_TASK REQUIREMENTS:_
Scan the listing below. Copy each line that contains "IFCINDEXEDPOLYGONALFACEWITHVOIDS".

_RECORDED DATA:_
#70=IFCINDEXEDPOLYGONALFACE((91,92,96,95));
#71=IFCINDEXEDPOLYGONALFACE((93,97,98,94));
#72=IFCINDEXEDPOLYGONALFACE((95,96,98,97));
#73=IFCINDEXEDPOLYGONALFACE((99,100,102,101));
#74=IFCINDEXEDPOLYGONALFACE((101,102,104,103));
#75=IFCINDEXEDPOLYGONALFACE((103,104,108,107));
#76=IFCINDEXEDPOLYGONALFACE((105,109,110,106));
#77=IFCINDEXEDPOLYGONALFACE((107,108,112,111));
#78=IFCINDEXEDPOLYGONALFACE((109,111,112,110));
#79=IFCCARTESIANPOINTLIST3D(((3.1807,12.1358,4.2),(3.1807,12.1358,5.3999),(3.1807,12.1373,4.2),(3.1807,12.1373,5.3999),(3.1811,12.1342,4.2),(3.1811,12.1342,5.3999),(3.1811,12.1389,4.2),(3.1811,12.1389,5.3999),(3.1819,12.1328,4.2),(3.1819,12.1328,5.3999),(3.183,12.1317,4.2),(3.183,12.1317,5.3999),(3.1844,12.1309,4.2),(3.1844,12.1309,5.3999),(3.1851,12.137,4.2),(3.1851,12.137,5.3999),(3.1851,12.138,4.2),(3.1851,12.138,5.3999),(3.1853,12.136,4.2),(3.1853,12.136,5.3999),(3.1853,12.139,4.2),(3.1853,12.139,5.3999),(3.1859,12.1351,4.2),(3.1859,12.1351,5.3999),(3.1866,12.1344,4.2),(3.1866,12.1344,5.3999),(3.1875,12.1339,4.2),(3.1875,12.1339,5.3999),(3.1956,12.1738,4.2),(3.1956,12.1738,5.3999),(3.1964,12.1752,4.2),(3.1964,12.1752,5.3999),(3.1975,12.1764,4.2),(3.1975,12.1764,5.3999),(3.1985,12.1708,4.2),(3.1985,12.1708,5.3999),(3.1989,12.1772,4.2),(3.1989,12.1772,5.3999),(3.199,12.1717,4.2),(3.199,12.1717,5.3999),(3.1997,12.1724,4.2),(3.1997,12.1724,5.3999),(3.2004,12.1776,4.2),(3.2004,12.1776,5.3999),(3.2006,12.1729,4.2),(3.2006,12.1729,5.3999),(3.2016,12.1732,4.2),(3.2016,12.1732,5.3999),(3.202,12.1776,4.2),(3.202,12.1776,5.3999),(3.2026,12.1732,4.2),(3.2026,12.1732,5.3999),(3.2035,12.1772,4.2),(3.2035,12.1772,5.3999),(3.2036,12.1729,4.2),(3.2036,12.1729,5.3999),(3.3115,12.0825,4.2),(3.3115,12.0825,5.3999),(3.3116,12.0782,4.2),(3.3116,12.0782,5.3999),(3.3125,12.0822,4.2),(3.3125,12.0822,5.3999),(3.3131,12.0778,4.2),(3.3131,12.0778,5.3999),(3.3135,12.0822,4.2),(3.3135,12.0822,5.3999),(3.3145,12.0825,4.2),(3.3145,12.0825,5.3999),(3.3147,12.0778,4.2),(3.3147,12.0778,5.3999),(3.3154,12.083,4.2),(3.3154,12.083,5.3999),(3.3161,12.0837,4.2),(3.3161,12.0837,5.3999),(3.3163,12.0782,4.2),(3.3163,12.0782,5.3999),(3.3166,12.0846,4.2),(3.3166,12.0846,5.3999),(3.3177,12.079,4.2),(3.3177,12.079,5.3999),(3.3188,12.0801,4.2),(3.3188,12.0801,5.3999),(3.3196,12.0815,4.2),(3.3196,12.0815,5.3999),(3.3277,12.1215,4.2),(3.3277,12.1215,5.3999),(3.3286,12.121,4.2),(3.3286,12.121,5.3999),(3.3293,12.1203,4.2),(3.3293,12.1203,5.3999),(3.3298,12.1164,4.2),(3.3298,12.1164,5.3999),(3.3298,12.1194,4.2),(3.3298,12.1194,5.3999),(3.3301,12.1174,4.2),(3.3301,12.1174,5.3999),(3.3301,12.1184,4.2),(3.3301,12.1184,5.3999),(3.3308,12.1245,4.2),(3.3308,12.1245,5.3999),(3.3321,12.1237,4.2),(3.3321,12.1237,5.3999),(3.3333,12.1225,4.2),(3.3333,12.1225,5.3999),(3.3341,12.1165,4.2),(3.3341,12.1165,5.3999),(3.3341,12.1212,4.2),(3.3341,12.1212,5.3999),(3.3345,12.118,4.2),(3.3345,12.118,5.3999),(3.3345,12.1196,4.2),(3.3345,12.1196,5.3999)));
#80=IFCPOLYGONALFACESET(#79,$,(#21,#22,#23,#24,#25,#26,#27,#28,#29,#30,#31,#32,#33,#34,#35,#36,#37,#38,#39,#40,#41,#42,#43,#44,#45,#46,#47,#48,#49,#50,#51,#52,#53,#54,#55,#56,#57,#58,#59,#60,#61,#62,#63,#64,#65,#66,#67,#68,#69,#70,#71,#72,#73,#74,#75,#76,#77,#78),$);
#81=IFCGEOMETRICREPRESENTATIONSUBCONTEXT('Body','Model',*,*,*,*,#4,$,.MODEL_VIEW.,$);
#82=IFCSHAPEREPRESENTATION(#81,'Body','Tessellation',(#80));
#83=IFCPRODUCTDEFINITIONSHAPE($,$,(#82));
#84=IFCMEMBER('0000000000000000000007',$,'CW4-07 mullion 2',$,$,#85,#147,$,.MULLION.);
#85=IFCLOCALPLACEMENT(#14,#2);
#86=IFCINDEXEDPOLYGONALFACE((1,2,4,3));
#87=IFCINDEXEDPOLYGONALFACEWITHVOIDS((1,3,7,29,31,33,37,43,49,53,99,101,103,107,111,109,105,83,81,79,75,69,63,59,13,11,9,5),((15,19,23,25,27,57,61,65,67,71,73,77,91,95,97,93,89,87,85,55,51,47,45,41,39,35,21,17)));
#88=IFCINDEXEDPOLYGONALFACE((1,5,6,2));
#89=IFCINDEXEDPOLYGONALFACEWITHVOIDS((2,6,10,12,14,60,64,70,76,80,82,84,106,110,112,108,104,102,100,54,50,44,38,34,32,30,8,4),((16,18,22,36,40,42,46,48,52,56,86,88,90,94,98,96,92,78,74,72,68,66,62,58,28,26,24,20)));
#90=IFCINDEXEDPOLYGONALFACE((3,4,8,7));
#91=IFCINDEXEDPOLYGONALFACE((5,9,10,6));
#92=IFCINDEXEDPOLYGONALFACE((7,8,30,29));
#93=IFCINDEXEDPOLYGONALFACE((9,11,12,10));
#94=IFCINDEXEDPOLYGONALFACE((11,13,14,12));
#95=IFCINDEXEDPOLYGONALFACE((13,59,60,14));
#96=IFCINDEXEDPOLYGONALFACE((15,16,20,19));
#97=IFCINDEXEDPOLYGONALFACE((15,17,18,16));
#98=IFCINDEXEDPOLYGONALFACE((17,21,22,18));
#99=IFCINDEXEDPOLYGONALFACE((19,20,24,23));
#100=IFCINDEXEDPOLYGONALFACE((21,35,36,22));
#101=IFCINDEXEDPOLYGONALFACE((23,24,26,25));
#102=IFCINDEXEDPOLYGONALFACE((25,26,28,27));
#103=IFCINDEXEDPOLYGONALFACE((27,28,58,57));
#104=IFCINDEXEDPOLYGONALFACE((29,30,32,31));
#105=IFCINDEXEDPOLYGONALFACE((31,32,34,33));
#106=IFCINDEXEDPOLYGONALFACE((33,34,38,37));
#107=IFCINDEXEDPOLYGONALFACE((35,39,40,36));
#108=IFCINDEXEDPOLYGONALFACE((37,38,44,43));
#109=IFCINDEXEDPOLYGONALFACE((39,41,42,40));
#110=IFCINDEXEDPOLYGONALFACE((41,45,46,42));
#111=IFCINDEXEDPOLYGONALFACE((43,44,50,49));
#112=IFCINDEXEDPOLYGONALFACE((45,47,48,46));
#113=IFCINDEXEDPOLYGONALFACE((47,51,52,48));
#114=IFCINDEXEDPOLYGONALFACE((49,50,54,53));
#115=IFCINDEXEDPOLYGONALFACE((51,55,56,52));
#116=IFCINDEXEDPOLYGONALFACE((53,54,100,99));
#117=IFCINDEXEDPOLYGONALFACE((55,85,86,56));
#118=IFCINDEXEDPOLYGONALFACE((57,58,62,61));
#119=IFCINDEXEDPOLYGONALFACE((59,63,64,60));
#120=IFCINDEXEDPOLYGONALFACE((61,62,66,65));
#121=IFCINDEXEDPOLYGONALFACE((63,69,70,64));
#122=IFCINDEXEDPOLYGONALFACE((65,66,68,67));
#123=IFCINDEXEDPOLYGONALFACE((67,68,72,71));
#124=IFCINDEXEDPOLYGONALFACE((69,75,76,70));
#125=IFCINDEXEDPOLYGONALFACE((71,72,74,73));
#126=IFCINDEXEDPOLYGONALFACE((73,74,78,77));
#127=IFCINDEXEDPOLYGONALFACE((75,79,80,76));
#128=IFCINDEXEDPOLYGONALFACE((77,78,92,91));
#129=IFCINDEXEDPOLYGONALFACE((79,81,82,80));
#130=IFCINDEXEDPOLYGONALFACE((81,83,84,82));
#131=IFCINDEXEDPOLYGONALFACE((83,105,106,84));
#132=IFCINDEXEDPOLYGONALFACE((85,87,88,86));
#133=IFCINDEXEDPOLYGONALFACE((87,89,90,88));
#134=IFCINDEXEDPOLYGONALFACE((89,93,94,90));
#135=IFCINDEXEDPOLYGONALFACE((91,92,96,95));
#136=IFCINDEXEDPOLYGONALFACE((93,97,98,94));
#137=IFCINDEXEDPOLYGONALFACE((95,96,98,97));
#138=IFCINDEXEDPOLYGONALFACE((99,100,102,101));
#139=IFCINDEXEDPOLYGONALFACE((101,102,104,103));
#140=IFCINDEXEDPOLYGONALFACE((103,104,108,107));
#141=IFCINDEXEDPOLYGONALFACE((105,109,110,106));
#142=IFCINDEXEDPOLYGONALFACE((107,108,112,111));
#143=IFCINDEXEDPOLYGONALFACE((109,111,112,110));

_ANSWER BOX:_
#87=IFCINDEXEDPOLYGONALFACEWITHVOIDS((1,3,7,29,31,33,37,43,49,53,99,101,103,107,111,109,105,83,81,79,75,69,63,59,13,11,9,5),((15,19,23,25,27,57,61,65,67,71,73,77,91,95,97,93,89,87,85,55,51,47,45,41,39,35,21,17)));
#89=IFCINDEXEDPOLYGONALFACEWITHVOIDS((2,6,10,12,14,60,64,70,76,80,82,84,106,110,112,108,104,102,100,54,50,44,38,34,32,30,8,4),((16,18,22,36,40,42,46,48,52,56,86,88,90,94,98,96,92,78,74,72,68,66,62,58,28,26,24,20)));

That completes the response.